• [WHAT TO PRODUCE]: With "parts" as the search word, show every line of the material that has it.

• [RECORDS FOR THIS EXERCISE]:
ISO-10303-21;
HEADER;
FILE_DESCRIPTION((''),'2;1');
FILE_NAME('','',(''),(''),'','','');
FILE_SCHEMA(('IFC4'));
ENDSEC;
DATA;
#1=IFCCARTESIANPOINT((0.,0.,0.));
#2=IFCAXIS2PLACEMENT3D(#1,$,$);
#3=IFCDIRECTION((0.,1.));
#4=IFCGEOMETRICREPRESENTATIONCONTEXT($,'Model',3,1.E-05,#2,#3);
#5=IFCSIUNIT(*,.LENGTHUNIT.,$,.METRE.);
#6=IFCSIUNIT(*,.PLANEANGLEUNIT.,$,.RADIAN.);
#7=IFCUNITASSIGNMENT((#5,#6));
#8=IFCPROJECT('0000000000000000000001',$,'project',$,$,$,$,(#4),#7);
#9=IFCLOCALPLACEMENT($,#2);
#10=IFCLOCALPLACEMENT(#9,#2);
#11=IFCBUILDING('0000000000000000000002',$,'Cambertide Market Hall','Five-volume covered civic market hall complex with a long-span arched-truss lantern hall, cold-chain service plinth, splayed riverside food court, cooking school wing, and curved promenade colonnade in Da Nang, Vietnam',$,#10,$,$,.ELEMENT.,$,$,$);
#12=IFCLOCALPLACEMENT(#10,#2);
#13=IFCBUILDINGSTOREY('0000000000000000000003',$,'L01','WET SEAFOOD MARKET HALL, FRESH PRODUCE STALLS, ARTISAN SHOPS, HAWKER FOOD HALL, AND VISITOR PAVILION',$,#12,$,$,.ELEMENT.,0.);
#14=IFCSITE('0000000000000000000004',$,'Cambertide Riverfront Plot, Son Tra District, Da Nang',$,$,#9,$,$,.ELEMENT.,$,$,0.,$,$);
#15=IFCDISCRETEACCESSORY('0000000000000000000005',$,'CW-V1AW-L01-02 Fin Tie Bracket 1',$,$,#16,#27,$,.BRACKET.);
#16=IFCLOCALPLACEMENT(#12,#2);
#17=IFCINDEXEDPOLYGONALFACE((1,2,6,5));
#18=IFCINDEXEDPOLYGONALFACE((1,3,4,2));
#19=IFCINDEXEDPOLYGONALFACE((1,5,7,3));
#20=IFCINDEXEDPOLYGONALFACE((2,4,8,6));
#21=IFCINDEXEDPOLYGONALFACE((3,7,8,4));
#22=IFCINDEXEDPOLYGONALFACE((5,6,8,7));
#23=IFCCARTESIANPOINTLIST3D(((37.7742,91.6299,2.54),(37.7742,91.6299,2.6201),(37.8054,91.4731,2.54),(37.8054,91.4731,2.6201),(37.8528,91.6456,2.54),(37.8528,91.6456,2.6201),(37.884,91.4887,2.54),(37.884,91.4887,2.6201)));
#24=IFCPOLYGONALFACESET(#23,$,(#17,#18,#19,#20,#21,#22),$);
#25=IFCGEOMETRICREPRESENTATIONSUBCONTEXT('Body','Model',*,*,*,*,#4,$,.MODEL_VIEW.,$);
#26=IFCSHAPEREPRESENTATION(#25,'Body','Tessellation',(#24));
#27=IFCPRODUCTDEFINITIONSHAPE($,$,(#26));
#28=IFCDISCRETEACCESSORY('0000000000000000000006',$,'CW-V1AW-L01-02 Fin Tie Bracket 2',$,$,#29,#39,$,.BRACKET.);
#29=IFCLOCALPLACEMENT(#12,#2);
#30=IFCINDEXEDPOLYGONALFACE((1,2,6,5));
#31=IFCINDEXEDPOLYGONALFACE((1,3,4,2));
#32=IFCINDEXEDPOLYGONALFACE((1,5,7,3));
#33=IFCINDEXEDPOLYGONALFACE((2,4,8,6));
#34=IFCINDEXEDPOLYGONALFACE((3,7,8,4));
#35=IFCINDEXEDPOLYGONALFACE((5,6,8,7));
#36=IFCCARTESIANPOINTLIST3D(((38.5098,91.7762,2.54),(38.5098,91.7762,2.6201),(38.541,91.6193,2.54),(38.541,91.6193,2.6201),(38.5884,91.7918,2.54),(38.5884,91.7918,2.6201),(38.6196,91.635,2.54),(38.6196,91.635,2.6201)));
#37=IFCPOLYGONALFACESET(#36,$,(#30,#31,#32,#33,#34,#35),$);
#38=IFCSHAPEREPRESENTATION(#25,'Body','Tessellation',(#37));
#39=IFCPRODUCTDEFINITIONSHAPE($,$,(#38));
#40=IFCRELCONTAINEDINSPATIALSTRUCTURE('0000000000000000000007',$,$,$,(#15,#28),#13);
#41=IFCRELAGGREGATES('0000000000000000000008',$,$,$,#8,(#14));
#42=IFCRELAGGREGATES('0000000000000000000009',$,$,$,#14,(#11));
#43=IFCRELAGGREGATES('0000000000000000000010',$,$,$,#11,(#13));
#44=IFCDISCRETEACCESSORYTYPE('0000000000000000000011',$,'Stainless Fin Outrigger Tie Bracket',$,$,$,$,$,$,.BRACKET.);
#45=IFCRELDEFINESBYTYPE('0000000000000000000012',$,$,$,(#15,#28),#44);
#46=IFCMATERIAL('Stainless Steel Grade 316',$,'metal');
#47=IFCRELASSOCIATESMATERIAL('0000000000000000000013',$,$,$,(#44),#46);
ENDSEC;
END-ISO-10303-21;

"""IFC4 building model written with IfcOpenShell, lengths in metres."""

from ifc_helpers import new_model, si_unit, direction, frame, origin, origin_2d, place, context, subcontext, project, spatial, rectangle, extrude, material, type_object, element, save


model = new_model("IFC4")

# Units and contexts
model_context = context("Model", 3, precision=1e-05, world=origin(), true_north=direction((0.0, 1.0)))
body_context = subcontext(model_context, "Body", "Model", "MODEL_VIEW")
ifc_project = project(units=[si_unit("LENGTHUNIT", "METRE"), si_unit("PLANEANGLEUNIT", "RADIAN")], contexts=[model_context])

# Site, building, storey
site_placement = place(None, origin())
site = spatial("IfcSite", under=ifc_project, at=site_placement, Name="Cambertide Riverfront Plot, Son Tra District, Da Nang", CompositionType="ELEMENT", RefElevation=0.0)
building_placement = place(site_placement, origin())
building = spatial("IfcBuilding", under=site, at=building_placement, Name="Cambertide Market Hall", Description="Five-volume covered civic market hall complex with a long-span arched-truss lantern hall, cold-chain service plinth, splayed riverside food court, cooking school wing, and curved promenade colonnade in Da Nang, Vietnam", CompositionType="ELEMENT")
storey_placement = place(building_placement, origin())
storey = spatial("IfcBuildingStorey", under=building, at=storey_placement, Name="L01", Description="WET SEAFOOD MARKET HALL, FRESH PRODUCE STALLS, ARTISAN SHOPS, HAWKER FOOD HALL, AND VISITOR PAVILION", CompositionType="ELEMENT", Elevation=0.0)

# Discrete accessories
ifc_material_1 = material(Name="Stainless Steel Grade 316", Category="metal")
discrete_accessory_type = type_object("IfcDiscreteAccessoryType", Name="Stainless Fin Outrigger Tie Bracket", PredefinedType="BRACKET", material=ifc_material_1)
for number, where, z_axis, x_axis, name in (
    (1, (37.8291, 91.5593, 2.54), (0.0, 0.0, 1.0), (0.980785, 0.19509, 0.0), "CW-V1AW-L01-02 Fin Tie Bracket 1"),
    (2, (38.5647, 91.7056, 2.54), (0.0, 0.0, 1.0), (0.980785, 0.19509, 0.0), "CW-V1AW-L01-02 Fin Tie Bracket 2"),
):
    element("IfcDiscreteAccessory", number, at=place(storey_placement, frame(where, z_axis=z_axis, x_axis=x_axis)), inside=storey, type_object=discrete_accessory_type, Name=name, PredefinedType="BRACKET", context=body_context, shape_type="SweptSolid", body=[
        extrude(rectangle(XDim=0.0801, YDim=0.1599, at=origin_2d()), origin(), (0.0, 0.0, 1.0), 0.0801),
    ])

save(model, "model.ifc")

==

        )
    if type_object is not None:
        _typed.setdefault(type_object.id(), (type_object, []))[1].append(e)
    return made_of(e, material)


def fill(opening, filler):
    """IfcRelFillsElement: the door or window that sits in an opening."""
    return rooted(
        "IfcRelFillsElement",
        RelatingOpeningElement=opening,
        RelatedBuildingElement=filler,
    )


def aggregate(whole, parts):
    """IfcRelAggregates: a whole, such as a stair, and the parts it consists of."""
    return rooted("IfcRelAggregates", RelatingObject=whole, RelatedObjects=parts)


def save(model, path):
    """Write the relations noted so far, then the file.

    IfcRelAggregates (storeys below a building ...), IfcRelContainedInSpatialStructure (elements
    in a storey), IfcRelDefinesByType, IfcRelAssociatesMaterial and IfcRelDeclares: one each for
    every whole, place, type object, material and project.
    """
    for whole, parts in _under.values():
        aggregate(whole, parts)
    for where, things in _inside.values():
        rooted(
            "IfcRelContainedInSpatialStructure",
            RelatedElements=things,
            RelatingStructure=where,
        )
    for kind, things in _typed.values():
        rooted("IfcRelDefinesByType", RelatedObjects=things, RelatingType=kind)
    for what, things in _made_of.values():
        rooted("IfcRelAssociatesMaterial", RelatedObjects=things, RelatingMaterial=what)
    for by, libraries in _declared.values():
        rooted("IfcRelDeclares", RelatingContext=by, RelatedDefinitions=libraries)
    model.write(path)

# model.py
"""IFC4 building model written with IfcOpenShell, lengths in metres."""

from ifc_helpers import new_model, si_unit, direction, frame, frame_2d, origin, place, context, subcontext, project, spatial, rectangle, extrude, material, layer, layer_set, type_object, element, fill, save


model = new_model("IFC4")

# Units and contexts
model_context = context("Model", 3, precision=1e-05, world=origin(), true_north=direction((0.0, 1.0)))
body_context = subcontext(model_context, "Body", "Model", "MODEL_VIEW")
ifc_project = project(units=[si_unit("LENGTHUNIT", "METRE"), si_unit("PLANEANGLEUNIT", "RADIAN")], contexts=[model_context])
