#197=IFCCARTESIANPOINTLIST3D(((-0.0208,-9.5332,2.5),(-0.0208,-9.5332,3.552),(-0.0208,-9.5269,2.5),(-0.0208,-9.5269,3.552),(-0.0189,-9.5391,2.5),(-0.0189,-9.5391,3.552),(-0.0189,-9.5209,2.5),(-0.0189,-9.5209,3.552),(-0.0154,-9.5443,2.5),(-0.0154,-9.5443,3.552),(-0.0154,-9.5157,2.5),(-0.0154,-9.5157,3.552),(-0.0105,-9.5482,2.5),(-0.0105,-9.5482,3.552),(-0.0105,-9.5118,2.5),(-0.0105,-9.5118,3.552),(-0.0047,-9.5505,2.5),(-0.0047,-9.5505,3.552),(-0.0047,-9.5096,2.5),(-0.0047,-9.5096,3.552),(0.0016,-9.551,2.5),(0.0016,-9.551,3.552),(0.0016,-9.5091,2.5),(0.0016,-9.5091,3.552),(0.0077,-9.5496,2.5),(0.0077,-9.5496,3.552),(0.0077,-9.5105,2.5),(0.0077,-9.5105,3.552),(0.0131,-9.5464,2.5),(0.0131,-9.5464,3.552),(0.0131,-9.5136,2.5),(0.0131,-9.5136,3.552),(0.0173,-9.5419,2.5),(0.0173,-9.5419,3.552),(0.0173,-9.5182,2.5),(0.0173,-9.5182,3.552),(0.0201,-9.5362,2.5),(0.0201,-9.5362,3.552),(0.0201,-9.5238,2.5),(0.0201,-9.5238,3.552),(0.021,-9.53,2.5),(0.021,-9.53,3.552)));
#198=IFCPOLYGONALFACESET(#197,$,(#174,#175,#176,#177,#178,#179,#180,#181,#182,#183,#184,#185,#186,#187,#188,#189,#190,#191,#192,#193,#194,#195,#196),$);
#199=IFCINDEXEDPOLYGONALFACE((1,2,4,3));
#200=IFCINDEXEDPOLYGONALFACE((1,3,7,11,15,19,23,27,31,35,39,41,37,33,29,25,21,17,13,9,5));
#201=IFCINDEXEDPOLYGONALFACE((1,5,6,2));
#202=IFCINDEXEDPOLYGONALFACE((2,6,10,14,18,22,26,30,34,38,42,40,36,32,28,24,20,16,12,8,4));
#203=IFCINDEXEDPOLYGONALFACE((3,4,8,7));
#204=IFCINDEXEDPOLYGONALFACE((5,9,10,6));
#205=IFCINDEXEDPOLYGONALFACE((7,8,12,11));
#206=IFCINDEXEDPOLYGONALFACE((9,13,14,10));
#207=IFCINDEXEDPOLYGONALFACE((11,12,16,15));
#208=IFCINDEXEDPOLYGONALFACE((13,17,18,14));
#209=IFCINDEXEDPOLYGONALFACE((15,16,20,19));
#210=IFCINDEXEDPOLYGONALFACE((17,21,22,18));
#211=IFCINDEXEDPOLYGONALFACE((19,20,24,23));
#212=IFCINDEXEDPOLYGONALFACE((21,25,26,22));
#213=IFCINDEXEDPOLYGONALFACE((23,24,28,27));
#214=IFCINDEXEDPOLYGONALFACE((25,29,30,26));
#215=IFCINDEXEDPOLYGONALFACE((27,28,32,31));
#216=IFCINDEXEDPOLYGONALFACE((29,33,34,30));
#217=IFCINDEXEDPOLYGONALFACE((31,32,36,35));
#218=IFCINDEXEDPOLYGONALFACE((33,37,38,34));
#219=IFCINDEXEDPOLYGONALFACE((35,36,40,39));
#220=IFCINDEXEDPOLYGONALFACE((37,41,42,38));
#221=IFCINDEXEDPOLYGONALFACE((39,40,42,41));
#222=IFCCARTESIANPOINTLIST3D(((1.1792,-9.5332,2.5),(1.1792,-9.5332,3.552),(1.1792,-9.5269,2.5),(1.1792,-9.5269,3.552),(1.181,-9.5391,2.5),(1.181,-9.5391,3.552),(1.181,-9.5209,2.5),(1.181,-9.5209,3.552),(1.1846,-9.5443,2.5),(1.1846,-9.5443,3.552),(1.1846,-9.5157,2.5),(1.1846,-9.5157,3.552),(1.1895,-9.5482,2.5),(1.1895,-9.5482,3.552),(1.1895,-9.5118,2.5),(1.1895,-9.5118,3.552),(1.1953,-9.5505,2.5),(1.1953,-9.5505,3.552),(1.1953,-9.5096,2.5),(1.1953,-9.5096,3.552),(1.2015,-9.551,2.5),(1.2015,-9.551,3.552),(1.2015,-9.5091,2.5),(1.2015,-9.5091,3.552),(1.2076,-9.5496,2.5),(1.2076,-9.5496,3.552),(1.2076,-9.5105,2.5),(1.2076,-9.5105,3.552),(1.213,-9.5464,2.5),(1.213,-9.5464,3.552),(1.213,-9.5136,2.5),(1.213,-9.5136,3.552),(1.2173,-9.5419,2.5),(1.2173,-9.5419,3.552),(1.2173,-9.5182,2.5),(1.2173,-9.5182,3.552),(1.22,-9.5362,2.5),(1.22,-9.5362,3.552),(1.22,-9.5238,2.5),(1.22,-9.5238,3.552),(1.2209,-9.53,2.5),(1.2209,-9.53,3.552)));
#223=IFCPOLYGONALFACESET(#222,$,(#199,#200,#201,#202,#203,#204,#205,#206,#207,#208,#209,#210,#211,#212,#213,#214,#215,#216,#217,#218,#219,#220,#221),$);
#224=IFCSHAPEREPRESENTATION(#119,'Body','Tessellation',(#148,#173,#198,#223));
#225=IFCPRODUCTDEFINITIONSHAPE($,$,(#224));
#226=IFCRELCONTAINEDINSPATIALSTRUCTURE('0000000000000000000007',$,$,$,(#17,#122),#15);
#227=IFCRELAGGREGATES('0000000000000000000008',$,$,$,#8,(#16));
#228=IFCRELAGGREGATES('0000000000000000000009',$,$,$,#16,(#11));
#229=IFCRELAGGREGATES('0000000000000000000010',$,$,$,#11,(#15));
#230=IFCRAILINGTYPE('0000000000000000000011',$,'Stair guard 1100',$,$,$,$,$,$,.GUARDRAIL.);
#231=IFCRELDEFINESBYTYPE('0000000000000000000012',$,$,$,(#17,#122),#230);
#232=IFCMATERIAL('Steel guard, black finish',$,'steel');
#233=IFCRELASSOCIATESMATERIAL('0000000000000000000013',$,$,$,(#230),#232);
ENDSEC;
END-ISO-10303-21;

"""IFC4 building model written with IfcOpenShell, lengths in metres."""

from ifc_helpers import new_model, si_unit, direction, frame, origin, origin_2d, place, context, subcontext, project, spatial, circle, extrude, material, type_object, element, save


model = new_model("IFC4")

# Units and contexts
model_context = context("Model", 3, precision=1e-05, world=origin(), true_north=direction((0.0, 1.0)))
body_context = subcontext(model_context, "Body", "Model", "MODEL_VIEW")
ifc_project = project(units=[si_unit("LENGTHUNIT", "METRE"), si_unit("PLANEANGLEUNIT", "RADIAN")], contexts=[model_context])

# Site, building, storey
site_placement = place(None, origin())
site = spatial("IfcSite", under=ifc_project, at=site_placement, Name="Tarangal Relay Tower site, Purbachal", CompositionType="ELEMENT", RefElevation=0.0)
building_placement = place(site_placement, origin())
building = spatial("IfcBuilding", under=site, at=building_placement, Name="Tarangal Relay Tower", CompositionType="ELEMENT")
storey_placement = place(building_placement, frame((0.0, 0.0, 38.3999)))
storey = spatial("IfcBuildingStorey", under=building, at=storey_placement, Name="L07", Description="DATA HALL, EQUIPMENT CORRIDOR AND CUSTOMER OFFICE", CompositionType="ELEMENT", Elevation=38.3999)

• [RESPONSE]:
def aggregate(whole, parts):
    """IfcRelAggregates: a whole, such as a stair, and the parts it consists of."""
    return rooted("IfcRelAggregates", RelatingObject=whole, RelatedObjects=parts)
    for whole, parts in _under.values():
        aggregate(whole, parts)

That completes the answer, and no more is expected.